Problem to work on: If a line in the entries below includes the string "Steel", copy it out.

Data provided: Begin

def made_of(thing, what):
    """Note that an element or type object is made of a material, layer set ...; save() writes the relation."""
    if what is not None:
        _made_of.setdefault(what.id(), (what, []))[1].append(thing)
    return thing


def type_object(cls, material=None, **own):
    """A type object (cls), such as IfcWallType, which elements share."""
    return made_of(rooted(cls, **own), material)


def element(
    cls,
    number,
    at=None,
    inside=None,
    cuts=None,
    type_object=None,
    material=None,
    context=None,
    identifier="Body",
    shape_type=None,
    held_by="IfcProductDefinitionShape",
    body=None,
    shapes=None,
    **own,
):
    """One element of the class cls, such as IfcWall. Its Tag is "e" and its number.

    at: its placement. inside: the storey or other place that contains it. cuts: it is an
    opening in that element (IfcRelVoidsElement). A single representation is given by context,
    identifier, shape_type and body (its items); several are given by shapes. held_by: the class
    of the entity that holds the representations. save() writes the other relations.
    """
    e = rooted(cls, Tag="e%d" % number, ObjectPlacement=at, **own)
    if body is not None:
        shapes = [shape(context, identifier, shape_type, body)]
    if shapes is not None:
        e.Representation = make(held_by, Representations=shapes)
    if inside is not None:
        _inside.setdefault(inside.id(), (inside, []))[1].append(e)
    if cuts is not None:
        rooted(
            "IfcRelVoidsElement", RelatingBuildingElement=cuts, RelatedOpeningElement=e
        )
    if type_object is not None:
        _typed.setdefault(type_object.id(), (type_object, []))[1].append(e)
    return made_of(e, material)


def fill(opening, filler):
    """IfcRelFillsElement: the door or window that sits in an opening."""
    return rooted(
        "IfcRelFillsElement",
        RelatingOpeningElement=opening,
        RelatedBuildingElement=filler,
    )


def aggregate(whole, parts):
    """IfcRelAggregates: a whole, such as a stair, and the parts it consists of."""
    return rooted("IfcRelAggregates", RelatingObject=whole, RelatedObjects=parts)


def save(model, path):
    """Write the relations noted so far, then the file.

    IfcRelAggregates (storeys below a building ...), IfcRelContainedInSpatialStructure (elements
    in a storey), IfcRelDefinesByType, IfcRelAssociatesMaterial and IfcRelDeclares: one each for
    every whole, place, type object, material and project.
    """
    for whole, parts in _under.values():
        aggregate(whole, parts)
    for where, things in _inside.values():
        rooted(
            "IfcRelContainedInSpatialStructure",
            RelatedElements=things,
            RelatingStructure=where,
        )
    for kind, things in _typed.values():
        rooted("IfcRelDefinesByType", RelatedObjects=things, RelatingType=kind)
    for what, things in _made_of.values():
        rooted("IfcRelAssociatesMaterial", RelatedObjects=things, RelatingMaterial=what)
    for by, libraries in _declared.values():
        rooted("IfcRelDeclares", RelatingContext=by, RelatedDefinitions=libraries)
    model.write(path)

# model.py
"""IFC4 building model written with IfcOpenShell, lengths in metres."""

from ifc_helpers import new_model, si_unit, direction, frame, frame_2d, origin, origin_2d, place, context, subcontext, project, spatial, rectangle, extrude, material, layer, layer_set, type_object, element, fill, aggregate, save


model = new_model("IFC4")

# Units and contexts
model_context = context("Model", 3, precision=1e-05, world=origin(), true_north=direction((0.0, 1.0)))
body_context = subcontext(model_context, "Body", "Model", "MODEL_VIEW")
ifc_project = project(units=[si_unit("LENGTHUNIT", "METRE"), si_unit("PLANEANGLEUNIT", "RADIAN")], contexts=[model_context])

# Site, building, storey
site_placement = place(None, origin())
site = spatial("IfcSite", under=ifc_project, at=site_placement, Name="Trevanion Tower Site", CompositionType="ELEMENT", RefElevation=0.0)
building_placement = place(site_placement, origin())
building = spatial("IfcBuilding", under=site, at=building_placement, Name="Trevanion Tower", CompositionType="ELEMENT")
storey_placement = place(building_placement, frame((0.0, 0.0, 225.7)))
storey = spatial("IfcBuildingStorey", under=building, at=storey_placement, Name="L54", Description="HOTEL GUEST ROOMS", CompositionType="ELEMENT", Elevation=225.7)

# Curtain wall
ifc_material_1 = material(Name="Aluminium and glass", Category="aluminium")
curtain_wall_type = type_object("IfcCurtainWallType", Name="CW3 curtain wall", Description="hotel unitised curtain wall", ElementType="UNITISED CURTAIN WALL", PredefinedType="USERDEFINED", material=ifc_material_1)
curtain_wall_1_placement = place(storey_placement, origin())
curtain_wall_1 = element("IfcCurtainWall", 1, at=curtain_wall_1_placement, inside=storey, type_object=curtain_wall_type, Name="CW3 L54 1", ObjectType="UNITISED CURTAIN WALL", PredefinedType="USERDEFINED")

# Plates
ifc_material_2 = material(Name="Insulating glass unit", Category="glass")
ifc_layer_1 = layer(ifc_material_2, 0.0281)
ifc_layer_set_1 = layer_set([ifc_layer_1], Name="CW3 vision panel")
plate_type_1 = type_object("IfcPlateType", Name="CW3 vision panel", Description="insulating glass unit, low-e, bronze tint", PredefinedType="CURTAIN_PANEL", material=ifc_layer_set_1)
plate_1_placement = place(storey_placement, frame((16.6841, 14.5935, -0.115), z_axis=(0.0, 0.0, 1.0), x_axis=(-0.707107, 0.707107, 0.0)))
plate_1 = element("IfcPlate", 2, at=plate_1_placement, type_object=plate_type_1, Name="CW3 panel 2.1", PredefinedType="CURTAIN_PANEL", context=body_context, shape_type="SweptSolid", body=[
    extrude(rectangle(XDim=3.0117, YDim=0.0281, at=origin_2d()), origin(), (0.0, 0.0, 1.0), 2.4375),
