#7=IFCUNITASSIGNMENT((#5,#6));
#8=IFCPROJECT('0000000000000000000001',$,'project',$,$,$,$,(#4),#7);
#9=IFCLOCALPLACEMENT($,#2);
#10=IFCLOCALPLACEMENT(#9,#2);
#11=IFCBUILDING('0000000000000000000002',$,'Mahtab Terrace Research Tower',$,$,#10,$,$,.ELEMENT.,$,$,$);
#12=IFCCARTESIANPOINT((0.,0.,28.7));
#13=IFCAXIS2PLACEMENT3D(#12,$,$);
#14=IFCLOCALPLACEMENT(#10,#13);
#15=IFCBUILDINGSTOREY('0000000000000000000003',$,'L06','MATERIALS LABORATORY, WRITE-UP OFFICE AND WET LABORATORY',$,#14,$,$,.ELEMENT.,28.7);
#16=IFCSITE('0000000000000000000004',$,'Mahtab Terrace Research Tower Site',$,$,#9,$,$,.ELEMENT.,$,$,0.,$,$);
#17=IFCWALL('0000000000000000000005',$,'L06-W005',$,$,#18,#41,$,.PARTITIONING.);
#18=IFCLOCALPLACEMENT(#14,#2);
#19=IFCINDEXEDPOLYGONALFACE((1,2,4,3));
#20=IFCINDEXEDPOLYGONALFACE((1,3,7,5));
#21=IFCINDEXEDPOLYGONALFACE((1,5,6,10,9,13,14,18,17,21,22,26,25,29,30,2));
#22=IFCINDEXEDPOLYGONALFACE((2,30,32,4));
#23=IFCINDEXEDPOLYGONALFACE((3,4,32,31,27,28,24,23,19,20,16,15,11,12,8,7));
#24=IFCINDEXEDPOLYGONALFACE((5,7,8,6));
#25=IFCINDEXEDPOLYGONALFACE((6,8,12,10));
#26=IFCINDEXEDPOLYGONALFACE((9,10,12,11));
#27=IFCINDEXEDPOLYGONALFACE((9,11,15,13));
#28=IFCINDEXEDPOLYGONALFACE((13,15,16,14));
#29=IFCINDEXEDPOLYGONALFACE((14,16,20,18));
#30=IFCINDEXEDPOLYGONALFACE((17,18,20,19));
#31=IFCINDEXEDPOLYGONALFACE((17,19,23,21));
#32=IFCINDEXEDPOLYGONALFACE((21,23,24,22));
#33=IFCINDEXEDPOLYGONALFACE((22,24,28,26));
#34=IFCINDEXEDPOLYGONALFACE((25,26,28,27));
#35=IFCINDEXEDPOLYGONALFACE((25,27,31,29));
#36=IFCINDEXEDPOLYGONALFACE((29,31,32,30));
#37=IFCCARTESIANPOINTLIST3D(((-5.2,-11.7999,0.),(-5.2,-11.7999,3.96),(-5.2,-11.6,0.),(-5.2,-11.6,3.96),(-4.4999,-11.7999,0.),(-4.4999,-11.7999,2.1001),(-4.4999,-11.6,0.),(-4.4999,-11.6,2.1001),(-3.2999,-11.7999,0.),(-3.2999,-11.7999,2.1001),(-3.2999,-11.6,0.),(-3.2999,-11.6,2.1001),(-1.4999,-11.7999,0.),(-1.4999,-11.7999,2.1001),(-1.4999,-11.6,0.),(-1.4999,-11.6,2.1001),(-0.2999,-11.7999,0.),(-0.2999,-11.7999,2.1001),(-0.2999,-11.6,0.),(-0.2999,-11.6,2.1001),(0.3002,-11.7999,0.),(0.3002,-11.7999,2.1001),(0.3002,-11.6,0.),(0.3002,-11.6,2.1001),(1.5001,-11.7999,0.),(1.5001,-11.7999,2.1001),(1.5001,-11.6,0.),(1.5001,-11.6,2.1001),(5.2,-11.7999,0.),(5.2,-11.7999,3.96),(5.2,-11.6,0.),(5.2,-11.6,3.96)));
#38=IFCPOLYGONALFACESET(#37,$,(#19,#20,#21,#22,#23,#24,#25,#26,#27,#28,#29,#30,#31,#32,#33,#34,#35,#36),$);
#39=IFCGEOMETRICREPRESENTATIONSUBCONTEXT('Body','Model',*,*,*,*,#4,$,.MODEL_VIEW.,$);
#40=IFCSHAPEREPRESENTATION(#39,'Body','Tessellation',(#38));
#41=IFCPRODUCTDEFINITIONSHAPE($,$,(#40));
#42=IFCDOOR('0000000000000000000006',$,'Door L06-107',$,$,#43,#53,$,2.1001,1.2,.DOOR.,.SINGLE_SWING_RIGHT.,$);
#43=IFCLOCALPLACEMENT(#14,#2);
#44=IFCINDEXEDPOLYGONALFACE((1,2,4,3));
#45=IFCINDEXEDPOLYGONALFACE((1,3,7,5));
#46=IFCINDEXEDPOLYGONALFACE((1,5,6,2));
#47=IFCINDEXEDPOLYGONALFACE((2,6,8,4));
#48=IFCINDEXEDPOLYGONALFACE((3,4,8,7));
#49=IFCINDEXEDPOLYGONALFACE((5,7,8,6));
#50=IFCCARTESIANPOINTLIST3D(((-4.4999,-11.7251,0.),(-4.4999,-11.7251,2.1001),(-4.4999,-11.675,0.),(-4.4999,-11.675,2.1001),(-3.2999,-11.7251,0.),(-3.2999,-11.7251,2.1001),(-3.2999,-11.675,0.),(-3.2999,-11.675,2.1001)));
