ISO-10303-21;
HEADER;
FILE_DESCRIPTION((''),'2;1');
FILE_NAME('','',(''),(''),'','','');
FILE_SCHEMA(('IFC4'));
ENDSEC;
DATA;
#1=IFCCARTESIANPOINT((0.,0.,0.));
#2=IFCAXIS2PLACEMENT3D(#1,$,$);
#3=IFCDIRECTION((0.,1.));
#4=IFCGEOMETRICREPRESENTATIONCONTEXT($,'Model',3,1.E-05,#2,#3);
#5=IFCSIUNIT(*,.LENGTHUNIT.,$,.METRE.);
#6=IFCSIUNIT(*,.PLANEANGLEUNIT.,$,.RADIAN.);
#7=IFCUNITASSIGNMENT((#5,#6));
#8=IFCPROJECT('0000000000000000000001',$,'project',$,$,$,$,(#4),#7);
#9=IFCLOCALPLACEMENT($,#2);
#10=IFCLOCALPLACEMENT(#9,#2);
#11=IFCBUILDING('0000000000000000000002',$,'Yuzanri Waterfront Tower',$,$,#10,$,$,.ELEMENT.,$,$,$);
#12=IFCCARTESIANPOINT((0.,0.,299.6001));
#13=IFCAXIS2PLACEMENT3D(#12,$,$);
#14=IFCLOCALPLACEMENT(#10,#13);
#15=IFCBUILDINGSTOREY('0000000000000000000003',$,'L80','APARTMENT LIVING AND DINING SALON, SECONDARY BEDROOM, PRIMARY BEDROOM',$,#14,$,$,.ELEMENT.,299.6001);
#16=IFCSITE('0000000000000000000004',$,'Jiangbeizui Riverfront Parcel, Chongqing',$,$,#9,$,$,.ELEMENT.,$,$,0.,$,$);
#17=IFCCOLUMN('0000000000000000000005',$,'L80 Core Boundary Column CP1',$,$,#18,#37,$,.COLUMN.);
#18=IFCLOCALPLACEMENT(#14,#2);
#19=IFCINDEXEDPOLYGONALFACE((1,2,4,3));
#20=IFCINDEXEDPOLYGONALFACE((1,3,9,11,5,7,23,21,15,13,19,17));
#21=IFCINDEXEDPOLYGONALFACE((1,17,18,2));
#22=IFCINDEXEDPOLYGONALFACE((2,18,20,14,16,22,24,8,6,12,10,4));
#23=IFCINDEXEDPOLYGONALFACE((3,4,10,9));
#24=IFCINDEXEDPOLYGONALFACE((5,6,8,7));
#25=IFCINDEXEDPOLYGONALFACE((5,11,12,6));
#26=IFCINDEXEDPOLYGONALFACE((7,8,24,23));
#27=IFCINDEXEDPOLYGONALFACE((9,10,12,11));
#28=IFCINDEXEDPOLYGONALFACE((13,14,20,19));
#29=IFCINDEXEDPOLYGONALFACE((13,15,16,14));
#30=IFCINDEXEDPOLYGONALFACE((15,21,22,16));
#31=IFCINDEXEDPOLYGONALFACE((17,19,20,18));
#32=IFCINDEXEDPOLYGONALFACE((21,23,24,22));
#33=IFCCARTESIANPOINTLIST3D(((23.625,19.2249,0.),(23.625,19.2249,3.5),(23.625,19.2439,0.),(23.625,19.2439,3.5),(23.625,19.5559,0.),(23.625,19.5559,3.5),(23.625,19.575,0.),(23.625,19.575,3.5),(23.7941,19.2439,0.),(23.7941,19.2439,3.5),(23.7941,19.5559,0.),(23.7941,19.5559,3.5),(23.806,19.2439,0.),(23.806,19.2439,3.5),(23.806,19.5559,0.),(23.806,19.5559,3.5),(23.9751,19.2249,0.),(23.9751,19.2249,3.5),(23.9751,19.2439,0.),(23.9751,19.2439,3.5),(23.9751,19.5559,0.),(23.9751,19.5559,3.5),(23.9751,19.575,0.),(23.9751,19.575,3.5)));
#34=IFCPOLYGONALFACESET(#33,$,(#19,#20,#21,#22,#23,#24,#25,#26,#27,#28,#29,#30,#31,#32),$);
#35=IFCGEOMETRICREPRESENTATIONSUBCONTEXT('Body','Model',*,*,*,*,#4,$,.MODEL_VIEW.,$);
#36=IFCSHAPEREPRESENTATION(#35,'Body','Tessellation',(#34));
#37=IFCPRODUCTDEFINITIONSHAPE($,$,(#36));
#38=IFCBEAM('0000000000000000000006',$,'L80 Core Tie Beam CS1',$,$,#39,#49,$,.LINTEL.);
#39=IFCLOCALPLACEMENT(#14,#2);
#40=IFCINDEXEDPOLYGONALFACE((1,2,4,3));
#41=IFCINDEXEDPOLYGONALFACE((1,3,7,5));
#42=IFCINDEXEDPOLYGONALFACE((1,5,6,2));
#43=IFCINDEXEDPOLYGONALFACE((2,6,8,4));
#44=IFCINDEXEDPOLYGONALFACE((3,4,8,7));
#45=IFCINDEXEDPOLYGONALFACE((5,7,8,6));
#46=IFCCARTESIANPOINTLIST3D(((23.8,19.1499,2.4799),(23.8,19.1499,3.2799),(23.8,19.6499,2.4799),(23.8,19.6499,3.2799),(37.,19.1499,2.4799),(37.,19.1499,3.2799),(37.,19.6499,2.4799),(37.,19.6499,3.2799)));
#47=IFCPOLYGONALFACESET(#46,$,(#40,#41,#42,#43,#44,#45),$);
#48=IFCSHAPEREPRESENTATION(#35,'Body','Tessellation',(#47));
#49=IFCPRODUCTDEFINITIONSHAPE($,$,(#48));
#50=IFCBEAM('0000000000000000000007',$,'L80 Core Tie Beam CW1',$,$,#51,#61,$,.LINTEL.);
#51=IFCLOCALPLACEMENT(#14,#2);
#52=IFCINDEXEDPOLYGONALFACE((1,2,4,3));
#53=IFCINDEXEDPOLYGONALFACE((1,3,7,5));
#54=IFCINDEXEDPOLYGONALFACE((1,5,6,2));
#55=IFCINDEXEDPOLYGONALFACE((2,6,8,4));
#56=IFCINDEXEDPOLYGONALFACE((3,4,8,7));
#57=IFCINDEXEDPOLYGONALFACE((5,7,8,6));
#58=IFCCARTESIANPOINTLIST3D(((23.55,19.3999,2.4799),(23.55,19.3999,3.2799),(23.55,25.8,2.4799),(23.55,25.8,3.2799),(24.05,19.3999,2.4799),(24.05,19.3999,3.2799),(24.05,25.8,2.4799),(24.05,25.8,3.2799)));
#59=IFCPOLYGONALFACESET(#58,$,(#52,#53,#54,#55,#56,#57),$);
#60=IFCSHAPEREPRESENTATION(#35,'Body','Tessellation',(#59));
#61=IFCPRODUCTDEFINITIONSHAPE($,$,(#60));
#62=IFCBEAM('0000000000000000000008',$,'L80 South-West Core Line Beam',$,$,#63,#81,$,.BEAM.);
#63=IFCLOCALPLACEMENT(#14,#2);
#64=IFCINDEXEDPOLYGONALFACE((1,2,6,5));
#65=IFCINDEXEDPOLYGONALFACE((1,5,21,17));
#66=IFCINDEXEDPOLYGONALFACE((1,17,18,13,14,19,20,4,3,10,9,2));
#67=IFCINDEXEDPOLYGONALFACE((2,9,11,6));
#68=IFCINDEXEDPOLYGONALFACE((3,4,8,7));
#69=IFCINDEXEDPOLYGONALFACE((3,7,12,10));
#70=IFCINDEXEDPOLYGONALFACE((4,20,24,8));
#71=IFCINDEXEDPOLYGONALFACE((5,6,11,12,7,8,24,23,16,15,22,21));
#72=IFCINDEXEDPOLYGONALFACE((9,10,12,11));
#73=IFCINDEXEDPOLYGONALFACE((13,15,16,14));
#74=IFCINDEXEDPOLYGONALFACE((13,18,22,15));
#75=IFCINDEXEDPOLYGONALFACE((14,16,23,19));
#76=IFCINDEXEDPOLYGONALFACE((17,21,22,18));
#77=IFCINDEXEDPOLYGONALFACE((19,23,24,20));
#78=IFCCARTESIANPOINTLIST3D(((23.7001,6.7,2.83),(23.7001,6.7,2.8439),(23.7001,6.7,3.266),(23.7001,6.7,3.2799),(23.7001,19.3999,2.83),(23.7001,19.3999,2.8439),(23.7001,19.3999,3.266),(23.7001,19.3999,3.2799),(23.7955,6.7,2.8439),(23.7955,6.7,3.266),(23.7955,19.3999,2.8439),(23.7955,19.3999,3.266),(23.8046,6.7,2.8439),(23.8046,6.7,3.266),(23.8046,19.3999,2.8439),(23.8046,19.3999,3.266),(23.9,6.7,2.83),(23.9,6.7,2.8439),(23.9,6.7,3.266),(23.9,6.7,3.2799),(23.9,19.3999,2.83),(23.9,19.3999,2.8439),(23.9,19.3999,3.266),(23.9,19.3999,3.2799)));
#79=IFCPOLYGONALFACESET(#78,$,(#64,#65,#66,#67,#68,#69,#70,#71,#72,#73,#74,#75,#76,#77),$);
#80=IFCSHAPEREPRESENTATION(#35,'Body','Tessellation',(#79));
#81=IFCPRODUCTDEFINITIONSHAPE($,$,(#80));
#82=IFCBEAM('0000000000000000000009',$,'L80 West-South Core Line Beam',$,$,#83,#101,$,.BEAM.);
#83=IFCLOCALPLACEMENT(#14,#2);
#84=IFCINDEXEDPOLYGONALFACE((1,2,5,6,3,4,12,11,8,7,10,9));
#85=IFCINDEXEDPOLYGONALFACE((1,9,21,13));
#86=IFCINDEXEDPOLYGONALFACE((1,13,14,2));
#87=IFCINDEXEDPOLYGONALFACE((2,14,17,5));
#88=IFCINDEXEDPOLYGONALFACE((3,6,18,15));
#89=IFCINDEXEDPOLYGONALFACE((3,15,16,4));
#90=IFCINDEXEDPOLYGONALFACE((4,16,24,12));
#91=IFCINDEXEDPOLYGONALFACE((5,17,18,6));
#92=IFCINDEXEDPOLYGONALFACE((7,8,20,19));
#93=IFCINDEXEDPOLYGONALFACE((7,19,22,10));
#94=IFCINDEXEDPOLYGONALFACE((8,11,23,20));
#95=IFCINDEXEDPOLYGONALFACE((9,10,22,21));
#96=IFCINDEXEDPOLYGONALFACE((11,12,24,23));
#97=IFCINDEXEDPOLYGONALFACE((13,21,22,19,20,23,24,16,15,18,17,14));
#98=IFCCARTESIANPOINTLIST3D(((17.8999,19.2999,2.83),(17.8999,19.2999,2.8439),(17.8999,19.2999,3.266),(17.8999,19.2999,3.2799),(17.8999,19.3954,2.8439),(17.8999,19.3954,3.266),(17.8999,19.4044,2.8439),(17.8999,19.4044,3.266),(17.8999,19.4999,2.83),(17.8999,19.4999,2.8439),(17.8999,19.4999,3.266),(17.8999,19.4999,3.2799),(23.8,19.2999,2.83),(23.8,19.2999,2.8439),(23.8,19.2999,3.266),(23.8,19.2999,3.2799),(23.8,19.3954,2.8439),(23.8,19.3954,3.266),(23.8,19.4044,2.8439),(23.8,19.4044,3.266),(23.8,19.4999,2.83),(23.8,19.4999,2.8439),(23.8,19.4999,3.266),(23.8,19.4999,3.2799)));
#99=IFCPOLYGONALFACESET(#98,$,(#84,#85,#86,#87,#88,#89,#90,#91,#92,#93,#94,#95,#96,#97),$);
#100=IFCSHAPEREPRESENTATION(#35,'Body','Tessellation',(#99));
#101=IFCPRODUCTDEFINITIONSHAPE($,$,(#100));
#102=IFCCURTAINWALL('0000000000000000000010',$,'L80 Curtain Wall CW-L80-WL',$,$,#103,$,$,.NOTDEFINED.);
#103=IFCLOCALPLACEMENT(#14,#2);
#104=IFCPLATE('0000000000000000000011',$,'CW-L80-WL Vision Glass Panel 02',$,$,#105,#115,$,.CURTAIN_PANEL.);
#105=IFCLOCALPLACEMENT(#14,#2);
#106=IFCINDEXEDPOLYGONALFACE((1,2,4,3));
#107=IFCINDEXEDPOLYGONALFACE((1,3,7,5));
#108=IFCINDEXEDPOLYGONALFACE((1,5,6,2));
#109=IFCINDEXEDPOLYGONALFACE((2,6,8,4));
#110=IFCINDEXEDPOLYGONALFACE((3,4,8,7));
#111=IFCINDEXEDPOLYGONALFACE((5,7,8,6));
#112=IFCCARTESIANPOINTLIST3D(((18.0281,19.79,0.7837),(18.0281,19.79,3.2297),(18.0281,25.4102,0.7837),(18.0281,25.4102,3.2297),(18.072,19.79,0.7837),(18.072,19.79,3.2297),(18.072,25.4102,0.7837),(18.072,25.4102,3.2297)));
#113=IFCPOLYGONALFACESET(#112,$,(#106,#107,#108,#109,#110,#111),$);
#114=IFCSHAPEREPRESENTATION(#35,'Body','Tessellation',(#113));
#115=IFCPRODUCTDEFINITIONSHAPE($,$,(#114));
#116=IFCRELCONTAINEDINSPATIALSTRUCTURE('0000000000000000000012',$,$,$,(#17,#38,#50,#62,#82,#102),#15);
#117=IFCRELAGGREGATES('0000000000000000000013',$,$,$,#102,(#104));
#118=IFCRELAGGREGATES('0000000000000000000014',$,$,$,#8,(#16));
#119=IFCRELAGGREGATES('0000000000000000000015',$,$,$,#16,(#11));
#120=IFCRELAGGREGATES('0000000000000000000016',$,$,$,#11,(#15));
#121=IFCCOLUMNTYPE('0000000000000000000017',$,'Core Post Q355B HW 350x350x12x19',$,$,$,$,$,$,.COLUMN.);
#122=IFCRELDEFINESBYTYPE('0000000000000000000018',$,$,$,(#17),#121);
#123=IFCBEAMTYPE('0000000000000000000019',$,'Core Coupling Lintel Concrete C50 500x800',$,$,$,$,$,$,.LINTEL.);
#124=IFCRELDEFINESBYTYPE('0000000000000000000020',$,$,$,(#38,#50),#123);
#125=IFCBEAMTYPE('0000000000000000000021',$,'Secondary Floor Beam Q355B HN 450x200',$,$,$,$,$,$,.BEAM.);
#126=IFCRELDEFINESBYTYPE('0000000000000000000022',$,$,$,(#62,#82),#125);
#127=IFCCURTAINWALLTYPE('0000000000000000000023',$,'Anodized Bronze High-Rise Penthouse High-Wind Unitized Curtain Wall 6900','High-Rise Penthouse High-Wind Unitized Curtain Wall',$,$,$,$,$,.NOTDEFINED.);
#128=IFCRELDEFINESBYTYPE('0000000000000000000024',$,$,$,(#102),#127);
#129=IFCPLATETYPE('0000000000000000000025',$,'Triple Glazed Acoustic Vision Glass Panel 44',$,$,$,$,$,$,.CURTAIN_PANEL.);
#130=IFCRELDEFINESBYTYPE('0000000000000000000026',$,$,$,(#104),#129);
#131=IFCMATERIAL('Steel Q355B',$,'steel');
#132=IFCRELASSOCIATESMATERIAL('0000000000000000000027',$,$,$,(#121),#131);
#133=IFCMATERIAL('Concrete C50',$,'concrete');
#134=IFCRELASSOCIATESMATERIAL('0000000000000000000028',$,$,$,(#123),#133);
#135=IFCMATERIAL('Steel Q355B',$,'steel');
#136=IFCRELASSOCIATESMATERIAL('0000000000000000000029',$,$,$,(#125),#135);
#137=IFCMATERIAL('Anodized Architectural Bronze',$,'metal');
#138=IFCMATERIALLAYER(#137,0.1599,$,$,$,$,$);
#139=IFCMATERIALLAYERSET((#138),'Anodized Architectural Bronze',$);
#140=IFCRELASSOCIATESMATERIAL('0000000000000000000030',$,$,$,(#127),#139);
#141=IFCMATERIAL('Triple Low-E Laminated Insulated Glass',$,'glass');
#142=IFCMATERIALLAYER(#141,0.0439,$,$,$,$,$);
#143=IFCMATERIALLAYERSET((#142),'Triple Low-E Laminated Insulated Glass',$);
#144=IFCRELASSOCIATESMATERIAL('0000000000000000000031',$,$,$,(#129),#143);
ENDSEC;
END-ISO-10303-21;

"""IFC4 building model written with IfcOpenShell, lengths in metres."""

from ifc_helpers import new_model, si_unit, direction, frame, origin, origin_2d, place, context, subcontext, project, spatial, rectangle, i_section, extrude, source, transform, mapped, material, layer, layer_set, material_profile, profile_set, type_object, element, aggregate, save


model = new_model("IFC4")

# Units and contexts
model_context = context("Model", 3, precision=1e-05, world=origin(), true_north=direction((0.0, 1.0)))
body_context = subcontext(model_context, "Body", "Model", "MODEL_VIEW")
ifc_project = project(units=[si_unit("LENGTHUNIT", "METRE"), si_unit("PLANEANGLEUNIT", "RADIAN")], contexts=[model_context])

# Site, building, storey
site_placement = place(None, origin())
site = spatial("IfcSite", under=ifc_project, at=site_placement, Name="Jiangbeizui Riverfront Parcel, Chongqing", CompositionType="ELEMENT", RefElevation=0.0)
building_placement = place(site_placement, origin())
building = spatial("IfcBuilding", under=site, at=building_placement, Name="Yuzanri Waterfront Tower", CompositionType="ELEMENT")
storey_placement = place(building_placement, frame((0.0, 0.0, 299.6001)))
storey = spatial("IfcBuildingStorey", under=building, at=storey_placement, Name="L80", Description="APARTMENT LIVING AND DINING SALON, SECONDARY BEDROOM, PRIMARY BEDROOM", CompositionType="ELEMENT", Elevation=299.6001)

Data provided: End

Your solution:
#131=IFCMATERIAL('Steel Q355B',$,'steel');
#135=IFCMATERIAL('Steel Q355B',$,'steel');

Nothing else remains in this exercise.